> Data shown
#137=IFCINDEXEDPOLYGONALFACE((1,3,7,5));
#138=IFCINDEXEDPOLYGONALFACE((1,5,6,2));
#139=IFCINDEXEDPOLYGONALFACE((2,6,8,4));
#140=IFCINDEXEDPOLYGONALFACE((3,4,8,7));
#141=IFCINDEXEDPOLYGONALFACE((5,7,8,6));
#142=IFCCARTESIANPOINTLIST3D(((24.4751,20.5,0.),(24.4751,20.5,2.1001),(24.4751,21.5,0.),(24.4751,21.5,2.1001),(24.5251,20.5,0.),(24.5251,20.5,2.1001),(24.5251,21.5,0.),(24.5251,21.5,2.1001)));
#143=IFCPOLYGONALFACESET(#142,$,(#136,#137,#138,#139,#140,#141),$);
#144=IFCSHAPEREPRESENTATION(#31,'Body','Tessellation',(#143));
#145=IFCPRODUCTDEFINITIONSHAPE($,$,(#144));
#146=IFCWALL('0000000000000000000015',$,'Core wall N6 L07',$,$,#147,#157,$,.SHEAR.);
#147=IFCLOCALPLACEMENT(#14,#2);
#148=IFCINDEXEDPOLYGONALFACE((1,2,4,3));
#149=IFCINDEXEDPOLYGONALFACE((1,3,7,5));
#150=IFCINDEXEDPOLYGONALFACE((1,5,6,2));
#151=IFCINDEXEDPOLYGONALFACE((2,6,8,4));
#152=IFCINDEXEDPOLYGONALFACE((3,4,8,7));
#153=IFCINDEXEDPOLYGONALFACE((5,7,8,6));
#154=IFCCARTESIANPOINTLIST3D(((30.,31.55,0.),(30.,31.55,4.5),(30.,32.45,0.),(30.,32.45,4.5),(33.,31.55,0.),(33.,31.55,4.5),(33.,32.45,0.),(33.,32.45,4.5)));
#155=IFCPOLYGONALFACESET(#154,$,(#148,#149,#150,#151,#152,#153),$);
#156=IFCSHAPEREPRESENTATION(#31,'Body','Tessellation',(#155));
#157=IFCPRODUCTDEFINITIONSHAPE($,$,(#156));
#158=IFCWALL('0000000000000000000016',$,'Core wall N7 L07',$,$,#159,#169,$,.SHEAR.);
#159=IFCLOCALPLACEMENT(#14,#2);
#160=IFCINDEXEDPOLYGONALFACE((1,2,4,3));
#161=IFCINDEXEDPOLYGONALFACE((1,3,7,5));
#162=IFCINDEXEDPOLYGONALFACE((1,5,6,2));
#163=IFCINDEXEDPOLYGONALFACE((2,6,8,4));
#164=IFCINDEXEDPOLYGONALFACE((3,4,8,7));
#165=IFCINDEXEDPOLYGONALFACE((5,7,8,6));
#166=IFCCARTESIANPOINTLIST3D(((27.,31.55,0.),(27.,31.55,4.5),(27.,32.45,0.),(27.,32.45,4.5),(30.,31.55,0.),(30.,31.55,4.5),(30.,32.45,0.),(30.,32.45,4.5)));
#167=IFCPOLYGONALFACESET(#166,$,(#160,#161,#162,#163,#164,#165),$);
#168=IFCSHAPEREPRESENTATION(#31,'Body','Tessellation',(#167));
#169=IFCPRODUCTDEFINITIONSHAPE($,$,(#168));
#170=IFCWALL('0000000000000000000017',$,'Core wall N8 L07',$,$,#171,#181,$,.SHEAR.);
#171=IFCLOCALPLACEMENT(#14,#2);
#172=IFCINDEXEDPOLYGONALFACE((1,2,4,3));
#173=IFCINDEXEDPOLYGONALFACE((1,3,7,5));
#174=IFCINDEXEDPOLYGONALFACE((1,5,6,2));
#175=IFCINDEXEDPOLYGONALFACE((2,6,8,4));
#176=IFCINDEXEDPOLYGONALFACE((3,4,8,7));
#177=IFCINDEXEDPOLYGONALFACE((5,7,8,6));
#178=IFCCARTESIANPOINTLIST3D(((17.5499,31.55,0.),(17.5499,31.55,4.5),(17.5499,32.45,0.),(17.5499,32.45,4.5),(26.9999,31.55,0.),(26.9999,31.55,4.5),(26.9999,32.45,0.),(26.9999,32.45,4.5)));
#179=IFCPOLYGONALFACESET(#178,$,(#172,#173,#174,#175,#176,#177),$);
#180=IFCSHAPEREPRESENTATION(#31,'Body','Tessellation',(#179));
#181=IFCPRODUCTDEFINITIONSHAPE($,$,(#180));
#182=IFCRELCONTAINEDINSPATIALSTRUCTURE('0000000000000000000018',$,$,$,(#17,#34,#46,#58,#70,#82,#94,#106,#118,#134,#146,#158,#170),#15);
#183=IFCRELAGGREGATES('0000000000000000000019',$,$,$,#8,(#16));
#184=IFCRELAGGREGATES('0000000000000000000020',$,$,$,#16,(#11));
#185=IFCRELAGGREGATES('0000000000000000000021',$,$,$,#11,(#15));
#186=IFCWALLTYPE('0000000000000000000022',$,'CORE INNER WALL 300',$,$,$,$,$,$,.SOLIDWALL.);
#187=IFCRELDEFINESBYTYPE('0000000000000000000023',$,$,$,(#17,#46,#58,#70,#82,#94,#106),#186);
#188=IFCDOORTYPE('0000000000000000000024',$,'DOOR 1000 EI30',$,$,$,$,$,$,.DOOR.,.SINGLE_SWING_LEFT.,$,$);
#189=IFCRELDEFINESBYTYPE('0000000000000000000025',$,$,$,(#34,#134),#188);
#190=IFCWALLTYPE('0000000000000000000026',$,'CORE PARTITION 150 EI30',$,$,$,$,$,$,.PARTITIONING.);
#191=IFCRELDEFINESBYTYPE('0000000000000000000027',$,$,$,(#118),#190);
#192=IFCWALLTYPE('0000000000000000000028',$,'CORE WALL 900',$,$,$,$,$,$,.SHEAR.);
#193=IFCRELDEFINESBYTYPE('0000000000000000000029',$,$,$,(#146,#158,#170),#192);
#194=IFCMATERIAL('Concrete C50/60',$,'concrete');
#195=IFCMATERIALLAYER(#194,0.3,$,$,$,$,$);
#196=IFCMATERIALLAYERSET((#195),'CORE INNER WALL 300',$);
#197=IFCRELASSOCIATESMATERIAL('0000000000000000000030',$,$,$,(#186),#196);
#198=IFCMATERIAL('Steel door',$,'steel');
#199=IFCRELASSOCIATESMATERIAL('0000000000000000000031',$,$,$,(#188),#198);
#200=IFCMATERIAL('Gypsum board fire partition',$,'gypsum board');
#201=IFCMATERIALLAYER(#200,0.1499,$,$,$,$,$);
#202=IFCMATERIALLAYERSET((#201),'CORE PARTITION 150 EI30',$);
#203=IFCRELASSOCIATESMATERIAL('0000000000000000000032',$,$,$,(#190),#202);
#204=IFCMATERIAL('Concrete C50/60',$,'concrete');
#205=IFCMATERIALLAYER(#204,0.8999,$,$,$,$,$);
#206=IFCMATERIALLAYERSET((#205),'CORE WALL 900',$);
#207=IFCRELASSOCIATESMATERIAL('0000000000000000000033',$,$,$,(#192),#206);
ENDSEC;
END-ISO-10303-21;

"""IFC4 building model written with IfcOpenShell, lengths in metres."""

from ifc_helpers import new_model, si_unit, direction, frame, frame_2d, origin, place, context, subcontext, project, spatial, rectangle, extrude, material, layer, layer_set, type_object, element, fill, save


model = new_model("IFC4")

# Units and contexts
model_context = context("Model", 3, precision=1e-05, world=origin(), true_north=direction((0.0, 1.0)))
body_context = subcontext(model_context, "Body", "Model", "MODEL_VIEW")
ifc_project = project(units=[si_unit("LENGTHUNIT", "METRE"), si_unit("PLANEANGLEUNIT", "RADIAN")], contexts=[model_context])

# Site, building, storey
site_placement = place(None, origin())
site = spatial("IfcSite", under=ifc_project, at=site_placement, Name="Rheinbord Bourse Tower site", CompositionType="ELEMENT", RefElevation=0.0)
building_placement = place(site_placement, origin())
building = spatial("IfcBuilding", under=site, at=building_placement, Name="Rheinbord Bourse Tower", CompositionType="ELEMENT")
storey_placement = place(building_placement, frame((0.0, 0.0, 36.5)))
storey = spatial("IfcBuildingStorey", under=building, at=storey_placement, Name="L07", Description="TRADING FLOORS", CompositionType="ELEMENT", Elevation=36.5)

* * *

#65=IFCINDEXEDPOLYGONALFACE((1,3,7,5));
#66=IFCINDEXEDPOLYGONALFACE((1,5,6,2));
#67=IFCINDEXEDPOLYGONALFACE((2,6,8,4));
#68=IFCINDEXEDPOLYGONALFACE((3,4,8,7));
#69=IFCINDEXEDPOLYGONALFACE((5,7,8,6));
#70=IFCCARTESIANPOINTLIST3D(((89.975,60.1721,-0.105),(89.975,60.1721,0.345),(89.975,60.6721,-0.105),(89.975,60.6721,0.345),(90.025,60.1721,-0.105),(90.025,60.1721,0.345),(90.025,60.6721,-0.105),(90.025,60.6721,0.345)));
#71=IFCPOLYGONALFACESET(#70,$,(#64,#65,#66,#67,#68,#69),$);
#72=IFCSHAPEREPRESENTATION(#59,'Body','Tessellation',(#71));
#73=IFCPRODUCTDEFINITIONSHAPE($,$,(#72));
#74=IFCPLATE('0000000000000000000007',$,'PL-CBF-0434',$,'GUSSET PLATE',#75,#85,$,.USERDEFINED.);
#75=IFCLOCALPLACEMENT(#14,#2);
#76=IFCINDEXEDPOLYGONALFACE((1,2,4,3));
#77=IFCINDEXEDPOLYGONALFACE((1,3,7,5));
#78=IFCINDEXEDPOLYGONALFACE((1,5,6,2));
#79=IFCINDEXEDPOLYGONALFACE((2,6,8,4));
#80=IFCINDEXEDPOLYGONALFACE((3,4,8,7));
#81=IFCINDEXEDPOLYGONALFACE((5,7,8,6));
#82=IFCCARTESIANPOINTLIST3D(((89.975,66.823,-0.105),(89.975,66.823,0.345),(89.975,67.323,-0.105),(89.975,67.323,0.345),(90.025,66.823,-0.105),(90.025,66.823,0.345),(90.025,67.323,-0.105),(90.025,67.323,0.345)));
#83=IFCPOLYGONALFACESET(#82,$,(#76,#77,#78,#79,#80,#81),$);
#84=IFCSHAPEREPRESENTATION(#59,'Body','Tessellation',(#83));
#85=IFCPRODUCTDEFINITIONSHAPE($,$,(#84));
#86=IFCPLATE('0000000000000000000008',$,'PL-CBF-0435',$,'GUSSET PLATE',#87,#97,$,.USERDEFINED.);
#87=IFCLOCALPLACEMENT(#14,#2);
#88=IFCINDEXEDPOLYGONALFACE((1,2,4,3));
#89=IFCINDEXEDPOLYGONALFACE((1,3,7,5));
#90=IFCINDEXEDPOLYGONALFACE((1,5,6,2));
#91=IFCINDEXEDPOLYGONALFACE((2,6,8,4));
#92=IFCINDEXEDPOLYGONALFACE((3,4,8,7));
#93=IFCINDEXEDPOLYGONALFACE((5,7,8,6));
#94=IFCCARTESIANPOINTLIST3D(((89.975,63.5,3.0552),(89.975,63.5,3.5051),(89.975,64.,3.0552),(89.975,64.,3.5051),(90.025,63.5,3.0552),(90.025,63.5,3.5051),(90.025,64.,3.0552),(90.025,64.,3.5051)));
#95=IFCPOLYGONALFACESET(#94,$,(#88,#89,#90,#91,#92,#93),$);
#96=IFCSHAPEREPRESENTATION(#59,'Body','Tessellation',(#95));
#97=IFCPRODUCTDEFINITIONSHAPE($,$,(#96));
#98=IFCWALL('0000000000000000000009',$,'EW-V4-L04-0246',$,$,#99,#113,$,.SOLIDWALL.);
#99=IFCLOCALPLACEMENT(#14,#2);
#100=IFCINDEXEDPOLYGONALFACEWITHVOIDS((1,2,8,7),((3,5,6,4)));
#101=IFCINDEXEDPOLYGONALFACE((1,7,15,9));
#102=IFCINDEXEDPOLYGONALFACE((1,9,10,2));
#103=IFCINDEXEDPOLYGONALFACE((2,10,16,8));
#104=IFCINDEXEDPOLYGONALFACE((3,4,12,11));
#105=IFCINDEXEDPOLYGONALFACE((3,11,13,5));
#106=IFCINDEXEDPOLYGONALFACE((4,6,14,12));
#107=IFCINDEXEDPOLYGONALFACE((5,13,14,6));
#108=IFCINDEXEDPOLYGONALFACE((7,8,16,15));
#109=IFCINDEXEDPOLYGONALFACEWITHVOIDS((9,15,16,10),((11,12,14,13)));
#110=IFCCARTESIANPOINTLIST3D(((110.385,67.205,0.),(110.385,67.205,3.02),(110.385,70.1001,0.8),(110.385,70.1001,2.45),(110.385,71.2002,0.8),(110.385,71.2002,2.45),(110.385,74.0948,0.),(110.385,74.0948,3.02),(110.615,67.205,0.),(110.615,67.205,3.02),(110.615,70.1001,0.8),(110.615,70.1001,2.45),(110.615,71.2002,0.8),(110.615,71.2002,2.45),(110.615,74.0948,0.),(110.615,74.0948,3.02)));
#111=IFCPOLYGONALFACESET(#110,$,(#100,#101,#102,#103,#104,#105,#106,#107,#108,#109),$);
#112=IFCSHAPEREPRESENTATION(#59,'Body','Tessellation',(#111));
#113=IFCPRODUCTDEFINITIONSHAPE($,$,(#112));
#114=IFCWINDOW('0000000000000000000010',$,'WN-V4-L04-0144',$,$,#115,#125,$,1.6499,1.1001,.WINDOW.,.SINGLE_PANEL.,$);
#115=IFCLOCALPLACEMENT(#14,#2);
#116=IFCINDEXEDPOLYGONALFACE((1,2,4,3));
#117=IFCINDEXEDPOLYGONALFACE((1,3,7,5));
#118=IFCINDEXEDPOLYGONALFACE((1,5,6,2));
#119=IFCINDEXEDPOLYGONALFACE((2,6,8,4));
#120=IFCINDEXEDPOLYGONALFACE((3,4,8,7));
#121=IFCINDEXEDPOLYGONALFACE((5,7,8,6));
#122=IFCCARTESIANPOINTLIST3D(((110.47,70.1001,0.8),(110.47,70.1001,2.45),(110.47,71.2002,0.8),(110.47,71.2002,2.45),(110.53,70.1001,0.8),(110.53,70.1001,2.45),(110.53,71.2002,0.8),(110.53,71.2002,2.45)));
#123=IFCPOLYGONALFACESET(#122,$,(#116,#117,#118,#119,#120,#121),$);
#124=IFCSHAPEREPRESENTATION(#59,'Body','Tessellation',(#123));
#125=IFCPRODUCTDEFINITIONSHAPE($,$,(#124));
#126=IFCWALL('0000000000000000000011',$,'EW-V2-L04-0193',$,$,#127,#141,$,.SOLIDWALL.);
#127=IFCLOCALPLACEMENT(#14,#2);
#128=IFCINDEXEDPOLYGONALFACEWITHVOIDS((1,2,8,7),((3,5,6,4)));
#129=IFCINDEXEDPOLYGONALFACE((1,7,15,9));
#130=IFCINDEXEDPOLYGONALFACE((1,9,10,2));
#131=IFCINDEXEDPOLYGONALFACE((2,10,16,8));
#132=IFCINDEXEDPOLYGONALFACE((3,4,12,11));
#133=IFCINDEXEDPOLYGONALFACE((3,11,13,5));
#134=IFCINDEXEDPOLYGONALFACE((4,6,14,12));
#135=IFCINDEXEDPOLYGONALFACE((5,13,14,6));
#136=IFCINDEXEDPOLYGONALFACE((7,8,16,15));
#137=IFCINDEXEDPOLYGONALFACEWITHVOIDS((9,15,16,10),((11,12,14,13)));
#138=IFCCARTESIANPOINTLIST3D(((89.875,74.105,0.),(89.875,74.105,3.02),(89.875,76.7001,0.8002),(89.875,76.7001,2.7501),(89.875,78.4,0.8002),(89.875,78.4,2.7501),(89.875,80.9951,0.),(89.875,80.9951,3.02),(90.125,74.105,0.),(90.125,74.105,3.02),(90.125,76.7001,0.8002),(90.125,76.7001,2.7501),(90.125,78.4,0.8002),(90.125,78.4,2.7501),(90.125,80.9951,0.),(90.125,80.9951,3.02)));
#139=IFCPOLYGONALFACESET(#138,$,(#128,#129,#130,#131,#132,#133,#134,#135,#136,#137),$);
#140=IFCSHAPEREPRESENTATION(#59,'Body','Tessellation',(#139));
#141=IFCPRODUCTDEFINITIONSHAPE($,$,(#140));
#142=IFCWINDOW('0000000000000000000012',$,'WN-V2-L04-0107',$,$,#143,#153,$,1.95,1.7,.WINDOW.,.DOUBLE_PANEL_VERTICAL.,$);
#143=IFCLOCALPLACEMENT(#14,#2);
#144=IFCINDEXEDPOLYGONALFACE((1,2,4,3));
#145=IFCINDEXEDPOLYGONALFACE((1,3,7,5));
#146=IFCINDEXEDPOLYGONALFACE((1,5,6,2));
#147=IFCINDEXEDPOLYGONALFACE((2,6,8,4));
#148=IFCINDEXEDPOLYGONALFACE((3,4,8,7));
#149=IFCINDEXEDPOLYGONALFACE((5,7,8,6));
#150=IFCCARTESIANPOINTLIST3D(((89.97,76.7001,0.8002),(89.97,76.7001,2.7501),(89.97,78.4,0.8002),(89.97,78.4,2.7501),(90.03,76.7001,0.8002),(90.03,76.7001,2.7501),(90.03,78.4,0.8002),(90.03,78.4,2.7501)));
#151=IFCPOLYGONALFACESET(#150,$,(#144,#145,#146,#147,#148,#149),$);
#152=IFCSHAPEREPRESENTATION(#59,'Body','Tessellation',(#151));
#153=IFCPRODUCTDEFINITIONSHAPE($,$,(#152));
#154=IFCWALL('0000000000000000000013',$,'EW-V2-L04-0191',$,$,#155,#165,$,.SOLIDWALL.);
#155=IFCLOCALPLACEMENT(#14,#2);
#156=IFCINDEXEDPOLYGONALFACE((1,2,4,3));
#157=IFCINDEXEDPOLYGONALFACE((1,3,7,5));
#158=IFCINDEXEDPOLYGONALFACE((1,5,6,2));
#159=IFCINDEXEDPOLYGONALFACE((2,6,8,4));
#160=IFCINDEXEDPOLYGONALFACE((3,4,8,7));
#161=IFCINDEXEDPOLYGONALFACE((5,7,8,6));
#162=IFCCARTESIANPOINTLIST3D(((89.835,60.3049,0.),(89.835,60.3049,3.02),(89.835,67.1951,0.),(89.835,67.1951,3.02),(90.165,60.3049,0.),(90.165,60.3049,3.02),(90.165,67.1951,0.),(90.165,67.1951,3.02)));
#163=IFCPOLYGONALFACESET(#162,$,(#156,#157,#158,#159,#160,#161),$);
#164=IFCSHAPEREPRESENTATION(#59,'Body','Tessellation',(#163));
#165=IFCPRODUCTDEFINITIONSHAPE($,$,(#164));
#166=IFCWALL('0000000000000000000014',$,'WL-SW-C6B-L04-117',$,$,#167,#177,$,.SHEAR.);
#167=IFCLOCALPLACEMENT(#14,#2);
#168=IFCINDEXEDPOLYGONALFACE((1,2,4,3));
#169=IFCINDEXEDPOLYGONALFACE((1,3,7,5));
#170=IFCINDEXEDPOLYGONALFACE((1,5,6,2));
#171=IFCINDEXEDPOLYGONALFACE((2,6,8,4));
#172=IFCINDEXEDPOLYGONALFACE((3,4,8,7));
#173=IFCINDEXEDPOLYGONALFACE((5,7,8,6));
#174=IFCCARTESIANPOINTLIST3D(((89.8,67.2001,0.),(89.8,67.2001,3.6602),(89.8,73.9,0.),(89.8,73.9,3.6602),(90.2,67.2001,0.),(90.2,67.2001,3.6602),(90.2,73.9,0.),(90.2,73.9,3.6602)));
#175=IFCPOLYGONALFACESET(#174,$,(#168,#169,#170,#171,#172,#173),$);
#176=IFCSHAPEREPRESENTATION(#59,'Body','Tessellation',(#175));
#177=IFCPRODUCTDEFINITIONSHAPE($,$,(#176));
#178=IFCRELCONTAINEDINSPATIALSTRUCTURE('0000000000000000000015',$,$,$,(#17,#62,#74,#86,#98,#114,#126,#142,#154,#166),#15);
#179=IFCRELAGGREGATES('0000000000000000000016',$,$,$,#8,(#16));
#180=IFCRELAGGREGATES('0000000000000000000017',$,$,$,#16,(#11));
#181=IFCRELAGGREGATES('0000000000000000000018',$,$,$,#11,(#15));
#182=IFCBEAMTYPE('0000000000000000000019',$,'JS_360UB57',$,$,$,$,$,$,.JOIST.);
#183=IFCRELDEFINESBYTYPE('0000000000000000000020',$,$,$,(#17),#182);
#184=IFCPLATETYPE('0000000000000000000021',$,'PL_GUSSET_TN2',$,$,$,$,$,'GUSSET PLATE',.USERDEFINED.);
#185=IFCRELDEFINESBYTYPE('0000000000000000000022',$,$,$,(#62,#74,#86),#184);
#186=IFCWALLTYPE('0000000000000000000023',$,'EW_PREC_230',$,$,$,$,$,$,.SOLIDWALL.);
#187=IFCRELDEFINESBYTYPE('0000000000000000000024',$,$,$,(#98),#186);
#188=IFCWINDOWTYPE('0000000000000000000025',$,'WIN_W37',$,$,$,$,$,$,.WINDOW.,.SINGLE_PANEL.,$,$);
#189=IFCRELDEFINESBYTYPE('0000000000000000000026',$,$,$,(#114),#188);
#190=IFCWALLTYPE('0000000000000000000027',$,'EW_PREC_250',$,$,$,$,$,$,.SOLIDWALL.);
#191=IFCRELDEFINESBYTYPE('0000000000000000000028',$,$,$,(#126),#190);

> Exercise goal
From the records above, state how many lines contain the word "IFCWALLTYPE", and leave out everything else.

> Reply to the exercise
5